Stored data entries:

++++++

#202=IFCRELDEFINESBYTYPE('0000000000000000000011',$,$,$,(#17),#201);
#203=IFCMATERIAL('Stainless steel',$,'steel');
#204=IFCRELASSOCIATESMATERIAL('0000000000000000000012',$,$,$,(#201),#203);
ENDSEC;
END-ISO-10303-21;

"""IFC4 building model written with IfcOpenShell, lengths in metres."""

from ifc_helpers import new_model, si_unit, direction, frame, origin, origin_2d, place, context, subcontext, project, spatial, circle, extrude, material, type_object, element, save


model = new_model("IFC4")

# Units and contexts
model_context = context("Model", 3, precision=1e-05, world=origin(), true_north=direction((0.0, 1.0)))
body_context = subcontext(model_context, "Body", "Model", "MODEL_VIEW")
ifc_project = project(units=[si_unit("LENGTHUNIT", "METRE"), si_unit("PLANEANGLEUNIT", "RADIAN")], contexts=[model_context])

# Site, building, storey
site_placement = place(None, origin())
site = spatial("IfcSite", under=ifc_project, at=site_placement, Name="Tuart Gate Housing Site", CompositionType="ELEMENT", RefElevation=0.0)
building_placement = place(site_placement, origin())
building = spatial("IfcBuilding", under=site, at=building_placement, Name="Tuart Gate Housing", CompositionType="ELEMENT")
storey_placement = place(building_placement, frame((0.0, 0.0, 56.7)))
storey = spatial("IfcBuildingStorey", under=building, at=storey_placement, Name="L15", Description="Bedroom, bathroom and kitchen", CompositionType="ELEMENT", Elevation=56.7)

++++++

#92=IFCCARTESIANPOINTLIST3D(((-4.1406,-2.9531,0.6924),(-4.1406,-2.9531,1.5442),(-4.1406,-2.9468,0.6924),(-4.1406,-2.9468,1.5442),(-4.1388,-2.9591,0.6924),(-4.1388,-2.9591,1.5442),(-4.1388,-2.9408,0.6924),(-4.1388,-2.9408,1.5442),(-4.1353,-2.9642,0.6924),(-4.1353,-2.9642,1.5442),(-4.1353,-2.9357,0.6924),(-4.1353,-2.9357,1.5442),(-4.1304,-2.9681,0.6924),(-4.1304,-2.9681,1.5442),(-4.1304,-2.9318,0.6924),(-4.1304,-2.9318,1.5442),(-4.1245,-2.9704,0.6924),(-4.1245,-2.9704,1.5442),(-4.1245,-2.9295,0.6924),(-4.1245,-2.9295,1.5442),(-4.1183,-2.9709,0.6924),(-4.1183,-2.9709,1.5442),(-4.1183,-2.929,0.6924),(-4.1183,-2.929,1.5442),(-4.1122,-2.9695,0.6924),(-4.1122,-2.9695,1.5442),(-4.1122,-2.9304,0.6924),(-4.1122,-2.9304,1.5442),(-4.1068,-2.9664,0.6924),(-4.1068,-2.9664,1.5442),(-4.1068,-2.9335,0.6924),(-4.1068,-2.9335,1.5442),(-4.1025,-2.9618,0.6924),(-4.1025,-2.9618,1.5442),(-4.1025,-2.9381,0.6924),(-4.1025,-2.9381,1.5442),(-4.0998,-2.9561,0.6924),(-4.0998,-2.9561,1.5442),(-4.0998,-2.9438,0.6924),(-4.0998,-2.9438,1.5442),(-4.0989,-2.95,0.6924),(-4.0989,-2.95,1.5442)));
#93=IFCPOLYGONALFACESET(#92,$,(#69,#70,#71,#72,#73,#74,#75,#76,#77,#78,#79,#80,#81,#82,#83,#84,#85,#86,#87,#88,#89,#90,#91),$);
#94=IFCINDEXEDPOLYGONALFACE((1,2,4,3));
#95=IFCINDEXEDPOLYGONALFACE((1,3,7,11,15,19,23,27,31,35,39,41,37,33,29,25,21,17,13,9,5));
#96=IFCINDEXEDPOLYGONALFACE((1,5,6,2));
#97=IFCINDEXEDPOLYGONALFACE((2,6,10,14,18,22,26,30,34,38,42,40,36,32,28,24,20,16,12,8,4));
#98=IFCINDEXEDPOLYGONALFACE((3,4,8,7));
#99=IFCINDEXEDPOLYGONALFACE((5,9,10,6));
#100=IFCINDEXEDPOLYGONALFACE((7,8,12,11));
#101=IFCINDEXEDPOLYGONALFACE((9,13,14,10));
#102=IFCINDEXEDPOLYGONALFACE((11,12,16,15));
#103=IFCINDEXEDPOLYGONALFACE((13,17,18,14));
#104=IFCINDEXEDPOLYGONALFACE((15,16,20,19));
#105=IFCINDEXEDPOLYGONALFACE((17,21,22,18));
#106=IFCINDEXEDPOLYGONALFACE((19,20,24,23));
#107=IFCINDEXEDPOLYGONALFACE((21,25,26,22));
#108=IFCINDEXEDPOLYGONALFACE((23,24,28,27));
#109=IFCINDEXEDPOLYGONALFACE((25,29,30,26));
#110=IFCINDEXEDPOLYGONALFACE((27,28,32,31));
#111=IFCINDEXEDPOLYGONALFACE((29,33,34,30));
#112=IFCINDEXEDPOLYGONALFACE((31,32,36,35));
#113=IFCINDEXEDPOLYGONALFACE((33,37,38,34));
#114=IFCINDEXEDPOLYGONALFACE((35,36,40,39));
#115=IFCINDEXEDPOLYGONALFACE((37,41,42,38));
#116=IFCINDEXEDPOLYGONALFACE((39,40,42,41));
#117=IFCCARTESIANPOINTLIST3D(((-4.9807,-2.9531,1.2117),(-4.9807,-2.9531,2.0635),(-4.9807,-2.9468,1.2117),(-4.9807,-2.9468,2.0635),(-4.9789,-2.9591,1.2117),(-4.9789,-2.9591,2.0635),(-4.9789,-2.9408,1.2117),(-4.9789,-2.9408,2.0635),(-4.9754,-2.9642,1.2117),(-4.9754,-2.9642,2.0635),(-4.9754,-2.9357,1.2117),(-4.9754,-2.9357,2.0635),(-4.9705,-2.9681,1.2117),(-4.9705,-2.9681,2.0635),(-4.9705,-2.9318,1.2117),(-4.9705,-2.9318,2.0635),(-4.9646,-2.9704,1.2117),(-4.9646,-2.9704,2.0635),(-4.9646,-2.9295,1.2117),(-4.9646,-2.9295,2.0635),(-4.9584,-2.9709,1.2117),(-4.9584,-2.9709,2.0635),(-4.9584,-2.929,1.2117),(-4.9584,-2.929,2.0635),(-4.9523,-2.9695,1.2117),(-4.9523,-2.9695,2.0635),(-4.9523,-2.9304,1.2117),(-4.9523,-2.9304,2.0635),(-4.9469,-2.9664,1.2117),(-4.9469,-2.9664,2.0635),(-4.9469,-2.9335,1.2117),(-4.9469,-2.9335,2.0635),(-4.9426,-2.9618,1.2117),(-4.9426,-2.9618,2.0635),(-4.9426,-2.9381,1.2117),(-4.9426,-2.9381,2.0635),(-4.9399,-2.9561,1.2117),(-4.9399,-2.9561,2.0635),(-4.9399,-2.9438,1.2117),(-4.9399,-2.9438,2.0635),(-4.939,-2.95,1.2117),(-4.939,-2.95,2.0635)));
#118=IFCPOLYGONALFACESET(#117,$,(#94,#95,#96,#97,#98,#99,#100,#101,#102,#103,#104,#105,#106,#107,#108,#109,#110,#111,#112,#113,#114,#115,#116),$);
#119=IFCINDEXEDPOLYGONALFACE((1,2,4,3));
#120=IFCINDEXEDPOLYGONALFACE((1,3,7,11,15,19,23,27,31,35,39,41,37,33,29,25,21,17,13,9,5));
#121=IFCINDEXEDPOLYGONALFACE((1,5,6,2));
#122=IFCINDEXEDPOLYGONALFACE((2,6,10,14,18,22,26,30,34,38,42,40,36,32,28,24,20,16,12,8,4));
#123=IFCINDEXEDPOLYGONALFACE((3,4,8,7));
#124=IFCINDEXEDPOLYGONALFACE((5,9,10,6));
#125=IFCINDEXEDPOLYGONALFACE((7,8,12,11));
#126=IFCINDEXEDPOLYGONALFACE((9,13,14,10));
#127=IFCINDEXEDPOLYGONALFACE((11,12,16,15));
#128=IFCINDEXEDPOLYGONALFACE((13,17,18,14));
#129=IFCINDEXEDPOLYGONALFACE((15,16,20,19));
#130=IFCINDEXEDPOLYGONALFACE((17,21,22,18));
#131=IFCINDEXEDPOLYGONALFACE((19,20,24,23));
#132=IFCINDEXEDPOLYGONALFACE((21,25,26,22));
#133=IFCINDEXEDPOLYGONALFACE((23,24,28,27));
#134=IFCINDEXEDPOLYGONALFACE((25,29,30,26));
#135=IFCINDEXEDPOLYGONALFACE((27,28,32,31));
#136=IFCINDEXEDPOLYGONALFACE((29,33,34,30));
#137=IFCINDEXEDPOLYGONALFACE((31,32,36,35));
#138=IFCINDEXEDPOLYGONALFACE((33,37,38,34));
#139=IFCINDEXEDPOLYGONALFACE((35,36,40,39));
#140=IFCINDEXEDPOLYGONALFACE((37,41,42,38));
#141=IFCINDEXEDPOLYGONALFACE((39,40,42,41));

++++++

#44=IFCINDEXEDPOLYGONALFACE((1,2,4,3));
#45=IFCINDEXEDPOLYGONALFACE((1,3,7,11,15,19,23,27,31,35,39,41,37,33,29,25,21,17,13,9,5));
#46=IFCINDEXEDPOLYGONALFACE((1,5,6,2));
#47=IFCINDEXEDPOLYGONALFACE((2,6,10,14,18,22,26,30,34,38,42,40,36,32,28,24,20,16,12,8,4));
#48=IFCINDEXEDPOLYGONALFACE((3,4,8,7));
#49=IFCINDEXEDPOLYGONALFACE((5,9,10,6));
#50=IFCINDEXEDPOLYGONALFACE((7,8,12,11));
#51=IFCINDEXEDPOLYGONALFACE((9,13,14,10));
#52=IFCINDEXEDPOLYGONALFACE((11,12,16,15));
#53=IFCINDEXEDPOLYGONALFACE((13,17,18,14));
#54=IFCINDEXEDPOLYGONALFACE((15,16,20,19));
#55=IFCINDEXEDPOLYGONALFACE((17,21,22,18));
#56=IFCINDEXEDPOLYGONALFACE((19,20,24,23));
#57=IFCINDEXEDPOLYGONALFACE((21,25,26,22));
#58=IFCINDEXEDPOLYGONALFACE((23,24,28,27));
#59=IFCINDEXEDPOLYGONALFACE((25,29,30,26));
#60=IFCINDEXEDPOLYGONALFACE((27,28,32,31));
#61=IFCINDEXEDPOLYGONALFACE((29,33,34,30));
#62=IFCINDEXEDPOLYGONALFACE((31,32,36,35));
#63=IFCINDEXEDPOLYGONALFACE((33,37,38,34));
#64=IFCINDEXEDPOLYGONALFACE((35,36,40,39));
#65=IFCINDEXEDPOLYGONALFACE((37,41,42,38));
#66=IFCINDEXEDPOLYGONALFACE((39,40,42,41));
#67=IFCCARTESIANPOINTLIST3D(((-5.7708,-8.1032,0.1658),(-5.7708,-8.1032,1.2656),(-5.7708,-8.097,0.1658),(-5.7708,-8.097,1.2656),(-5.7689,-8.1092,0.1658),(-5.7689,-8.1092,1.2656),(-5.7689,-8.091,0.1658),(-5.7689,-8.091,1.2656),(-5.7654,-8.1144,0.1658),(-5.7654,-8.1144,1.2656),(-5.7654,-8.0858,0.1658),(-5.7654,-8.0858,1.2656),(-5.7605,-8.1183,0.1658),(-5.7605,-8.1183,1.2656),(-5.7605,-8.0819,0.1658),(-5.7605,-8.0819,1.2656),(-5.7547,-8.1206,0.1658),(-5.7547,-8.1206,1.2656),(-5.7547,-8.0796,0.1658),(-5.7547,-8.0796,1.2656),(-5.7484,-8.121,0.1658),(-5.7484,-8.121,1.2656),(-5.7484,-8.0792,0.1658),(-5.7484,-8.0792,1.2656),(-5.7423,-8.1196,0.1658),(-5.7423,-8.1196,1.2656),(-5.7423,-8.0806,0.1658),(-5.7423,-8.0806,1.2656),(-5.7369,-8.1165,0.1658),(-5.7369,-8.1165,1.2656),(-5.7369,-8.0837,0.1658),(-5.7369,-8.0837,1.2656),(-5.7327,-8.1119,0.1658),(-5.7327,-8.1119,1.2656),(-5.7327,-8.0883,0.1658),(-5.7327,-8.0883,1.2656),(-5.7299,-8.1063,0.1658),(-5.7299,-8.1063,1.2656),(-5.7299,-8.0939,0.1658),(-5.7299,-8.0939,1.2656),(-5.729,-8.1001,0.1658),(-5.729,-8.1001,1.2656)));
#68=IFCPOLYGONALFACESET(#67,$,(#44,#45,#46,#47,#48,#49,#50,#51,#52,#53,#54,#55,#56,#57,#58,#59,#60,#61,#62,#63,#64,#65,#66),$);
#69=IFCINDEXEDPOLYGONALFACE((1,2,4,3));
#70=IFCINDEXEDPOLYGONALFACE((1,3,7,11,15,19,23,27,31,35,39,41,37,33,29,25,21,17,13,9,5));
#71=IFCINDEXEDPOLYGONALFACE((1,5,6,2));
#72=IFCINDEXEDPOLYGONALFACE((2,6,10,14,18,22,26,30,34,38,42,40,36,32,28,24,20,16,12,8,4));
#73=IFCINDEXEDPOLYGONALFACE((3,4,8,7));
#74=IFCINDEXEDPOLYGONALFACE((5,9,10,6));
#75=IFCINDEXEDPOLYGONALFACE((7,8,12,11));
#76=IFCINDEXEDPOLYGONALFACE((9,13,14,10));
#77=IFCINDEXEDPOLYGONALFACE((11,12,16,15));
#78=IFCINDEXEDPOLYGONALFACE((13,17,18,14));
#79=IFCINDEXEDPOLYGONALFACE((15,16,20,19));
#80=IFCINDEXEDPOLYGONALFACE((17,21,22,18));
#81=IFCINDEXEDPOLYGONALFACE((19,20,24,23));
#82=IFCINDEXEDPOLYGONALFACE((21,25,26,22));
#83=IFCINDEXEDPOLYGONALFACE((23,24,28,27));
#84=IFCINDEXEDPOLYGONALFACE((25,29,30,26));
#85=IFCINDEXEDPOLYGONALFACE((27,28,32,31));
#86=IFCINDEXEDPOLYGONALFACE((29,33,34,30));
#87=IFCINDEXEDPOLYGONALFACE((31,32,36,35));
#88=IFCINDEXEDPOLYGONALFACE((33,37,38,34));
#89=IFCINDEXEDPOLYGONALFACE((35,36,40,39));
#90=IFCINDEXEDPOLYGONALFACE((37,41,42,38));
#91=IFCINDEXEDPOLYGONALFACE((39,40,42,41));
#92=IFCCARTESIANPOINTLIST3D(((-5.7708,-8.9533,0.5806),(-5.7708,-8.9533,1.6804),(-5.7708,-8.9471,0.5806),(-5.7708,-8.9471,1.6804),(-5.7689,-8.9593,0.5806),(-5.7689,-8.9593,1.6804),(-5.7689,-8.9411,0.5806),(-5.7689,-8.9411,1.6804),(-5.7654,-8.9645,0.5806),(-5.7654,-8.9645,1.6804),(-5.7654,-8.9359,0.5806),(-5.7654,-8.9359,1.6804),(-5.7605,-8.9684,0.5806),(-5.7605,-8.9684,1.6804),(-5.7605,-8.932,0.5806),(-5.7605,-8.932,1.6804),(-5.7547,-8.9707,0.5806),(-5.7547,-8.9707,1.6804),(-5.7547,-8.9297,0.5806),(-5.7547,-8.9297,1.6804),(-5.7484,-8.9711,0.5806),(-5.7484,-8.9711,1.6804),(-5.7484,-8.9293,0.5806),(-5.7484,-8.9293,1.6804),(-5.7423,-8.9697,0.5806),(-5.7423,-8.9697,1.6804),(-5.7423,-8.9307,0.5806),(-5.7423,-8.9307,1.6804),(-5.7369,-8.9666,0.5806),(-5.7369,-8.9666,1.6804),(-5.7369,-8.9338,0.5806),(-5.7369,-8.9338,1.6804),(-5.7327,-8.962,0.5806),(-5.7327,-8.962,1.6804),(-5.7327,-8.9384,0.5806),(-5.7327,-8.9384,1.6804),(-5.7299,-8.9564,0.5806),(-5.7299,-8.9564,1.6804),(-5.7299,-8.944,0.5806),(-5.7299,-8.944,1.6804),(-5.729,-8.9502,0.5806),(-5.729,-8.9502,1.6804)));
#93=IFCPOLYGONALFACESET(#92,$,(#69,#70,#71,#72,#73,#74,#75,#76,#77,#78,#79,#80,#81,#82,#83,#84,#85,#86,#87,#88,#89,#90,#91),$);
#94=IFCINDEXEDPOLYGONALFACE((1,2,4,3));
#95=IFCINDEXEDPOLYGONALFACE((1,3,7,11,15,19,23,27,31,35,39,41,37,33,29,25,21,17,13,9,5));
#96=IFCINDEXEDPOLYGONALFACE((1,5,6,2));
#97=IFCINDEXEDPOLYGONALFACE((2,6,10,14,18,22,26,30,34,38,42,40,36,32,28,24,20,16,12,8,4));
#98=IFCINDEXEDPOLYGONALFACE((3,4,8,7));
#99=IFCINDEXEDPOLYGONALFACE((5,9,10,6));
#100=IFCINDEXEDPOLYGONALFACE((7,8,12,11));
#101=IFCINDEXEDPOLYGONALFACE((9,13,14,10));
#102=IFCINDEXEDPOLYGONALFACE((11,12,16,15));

++++++

Work to be completed = The entries above hold a line with "#58=IFCINDEXEDPOLYGONALFACE((23,24,28,27));" and a later line with "#66=IFCINDEXEDPOLYGONALFACE((39,40,42,41));". Write out exactly those lines and all lines between, nothing more.

Answer area =
#58=IFCINDEXEDPOLYGONALFACE((23,24,28,27));
#59=IFCINDEXEDPOLYGONALFACE((25,29,30,26));
#60=IFCINDEXEDPOLYGONALFACE((27,28,32,31));
#61=IFCINDEXEDPOLYGONALFACE((29,33,34,30));
#62=IFCINDEXEDPOLYGONALFACE((31,32,36,35));
#63=IFCINDEXEDPOLYGONALFACE((33,37,38,34));
#64=IFCINDEXEDPOLYGONALFACE((35,36,40,39));
#65=IFCINDEXEDPOLYGONALFACE((37,41,42,38));
#66=IFCINDEXEDPOLYGONALFACE((39,40,42,41));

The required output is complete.